Problem description: Which of the lines below mention the word "subcontext"? Pull each one out.

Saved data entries

- - -

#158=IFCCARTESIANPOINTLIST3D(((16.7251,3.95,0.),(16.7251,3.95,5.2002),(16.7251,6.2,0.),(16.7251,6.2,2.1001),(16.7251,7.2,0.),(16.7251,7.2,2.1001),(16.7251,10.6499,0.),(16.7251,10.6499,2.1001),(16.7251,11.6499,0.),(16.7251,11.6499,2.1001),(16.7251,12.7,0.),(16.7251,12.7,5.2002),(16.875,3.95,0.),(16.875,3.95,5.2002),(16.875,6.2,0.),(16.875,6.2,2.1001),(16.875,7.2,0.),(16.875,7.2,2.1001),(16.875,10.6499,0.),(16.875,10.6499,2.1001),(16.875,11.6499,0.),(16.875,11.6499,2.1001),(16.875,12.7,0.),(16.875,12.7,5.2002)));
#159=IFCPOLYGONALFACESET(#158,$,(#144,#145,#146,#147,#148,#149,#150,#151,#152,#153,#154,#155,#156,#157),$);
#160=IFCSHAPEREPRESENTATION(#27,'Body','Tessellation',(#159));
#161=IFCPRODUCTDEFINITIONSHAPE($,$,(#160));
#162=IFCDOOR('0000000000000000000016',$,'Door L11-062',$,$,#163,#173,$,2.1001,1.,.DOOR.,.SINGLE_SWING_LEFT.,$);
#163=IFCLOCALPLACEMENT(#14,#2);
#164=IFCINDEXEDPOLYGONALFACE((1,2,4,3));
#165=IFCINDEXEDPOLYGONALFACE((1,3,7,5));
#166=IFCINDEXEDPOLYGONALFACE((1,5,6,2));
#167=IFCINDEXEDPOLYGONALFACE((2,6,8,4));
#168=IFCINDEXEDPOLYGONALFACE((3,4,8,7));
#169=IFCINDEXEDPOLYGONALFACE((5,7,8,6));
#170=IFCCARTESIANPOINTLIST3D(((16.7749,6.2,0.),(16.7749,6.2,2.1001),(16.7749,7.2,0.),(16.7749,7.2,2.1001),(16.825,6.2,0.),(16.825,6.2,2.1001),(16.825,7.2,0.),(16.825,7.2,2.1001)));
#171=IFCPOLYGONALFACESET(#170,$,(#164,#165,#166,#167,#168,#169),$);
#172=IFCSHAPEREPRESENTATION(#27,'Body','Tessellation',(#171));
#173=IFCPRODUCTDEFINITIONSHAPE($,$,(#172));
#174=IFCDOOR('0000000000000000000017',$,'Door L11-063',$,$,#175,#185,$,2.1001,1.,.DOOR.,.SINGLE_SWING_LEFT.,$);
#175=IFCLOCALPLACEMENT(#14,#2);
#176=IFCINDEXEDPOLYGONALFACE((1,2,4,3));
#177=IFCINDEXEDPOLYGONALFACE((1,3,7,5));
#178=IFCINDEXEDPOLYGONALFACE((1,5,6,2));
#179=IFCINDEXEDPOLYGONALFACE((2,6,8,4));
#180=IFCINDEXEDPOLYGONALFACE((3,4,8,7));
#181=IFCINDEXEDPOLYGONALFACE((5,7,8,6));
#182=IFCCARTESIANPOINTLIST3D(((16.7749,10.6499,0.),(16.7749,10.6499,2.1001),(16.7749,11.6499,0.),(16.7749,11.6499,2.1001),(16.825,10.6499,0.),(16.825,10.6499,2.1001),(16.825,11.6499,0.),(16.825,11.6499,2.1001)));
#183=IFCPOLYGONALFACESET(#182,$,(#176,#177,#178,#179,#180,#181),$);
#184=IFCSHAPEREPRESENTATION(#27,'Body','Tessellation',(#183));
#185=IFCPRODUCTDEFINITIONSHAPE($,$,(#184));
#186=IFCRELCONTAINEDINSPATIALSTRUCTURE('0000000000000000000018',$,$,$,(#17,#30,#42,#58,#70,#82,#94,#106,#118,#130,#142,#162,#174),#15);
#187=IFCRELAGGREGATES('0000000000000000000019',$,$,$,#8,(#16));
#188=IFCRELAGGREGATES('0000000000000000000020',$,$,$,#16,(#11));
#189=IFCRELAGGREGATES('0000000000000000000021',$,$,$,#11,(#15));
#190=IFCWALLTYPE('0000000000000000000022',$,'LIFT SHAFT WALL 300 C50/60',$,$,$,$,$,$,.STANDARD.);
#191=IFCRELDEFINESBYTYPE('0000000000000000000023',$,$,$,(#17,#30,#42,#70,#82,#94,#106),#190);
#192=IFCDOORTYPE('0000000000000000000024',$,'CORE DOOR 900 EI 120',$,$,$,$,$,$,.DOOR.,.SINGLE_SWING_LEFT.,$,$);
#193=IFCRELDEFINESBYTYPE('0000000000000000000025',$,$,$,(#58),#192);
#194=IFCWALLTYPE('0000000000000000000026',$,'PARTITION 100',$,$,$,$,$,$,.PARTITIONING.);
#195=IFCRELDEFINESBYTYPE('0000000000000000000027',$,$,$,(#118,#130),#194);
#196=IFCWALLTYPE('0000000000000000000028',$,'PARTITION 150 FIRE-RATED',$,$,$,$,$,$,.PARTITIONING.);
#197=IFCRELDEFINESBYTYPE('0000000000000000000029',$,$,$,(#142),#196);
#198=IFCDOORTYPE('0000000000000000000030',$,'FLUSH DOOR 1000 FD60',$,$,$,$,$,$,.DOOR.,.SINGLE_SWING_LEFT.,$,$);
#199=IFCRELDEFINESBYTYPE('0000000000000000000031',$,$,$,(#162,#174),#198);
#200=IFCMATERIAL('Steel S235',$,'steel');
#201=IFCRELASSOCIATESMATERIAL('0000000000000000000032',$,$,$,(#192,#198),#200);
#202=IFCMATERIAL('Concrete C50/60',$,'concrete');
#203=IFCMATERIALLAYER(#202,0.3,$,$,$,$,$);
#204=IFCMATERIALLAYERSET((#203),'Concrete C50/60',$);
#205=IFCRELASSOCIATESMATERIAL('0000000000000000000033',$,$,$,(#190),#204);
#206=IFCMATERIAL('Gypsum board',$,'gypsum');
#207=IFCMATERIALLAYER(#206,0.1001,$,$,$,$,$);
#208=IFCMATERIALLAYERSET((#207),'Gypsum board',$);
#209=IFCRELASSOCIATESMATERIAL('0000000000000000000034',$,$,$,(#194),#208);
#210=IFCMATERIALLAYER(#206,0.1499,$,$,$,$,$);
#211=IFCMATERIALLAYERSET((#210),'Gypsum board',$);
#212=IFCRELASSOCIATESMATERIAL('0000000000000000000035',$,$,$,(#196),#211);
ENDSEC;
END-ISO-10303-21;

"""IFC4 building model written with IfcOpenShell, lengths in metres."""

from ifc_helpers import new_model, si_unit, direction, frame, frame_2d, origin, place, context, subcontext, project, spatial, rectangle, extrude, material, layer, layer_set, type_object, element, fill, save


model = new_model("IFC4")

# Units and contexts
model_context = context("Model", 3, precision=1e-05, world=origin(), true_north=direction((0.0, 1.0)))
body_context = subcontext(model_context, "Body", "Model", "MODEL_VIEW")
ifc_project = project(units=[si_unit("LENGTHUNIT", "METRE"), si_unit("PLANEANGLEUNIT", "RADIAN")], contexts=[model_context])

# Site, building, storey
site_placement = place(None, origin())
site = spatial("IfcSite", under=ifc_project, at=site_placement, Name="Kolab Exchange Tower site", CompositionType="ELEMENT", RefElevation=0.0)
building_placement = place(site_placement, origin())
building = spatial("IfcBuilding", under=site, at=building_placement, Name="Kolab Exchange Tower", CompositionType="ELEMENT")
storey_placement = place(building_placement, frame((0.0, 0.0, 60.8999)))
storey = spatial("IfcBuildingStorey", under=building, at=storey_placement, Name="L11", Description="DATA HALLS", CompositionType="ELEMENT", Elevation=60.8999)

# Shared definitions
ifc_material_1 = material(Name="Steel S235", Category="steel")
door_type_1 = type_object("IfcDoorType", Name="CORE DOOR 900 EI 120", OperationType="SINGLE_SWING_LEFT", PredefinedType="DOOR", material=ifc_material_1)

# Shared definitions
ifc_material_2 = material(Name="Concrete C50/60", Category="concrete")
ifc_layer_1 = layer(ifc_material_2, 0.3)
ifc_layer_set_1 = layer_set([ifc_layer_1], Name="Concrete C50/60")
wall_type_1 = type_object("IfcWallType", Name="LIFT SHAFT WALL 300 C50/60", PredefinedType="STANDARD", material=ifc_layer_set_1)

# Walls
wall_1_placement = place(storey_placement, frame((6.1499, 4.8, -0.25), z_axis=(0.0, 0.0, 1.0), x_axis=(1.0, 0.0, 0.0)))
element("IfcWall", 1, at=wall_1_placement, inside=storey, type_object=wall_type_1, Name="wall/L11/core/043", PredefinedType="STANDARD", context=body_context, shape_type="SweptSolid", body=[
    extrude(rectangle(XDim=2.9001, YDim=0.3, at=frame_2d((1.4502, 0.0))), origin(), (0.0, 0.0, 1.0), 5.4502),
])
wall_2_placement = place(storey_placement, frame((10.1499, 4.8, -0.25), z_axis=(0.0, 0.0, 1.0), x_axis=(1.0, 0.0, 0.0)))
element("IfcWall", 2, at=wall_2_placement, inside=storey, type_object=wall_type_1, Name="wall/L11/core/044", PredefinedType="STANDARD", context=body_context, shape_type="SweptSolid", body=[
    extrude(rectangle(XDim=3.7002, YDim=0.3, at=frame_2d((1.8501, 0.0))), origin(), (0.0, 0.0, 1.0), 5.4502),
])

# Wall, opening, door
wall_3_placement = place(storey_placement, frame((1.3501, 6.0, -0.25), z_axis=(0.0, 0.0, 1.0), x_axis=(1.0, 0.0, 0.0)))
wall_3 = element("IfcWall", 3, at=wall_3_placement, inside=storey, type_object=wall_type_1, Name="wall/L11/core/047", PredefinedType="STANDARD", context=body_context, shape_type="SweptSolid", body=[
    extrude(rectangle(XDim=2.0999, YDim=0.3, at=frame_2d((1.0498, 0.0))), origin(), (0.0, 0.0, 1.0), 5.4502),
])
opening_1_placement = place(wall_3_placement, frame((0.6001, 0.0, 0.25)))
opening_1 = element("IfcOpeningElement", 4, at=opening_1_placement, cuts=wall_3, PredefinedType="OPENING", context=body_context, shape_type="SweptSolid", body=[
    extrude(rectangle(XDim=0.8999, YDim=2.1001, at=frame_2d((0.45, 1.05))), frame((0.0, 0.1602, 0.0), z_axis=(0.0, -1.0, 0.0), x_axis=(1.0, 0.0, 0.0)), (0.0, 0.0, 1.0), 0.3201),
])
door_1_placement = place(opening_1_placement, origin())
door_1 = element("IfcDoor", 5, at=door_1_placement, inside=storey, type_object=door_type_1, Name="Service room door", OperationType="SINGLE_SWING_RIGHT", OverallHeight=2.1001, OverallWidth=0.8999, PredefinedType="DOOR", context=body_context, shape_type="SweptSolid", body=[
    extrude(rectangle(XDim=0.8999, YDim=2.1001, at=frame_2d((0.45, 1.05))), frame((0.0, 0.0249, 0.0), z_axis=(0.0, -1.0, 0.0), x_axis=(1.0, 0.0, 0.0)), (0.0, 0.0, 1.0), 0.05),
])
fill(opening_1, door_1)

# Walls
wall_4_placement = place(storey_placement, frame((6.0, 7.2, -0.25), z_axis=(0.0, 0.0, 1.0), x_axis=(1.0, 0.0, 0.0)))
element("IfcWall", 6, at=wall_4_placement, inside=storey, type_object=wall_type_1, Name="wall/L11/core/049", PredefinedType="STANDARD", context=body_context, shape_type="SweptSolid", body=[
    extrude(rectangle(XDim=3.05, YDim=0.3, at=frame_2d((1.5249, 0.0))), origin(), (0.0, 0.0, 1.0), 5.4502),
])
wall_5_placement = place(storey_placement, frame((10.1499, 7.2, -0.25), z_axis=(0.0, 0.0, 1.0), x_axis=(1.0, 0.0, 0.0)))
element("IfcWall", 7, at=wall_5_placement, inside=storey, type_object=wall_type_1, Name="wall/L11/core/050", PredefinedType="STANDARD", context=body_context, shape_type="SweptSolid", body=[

- - -

Response to this exercise:
from ifc_helpers import new_model, si_unit, direction, frame, frame_2d, origin, place, context, subcontext, project, spatial, rectangle, extrude, material, layer, layer_set, type_object, element, fill, save
body_context = subcontext(model_context, "Body", "Model", "MODEL_VIEW")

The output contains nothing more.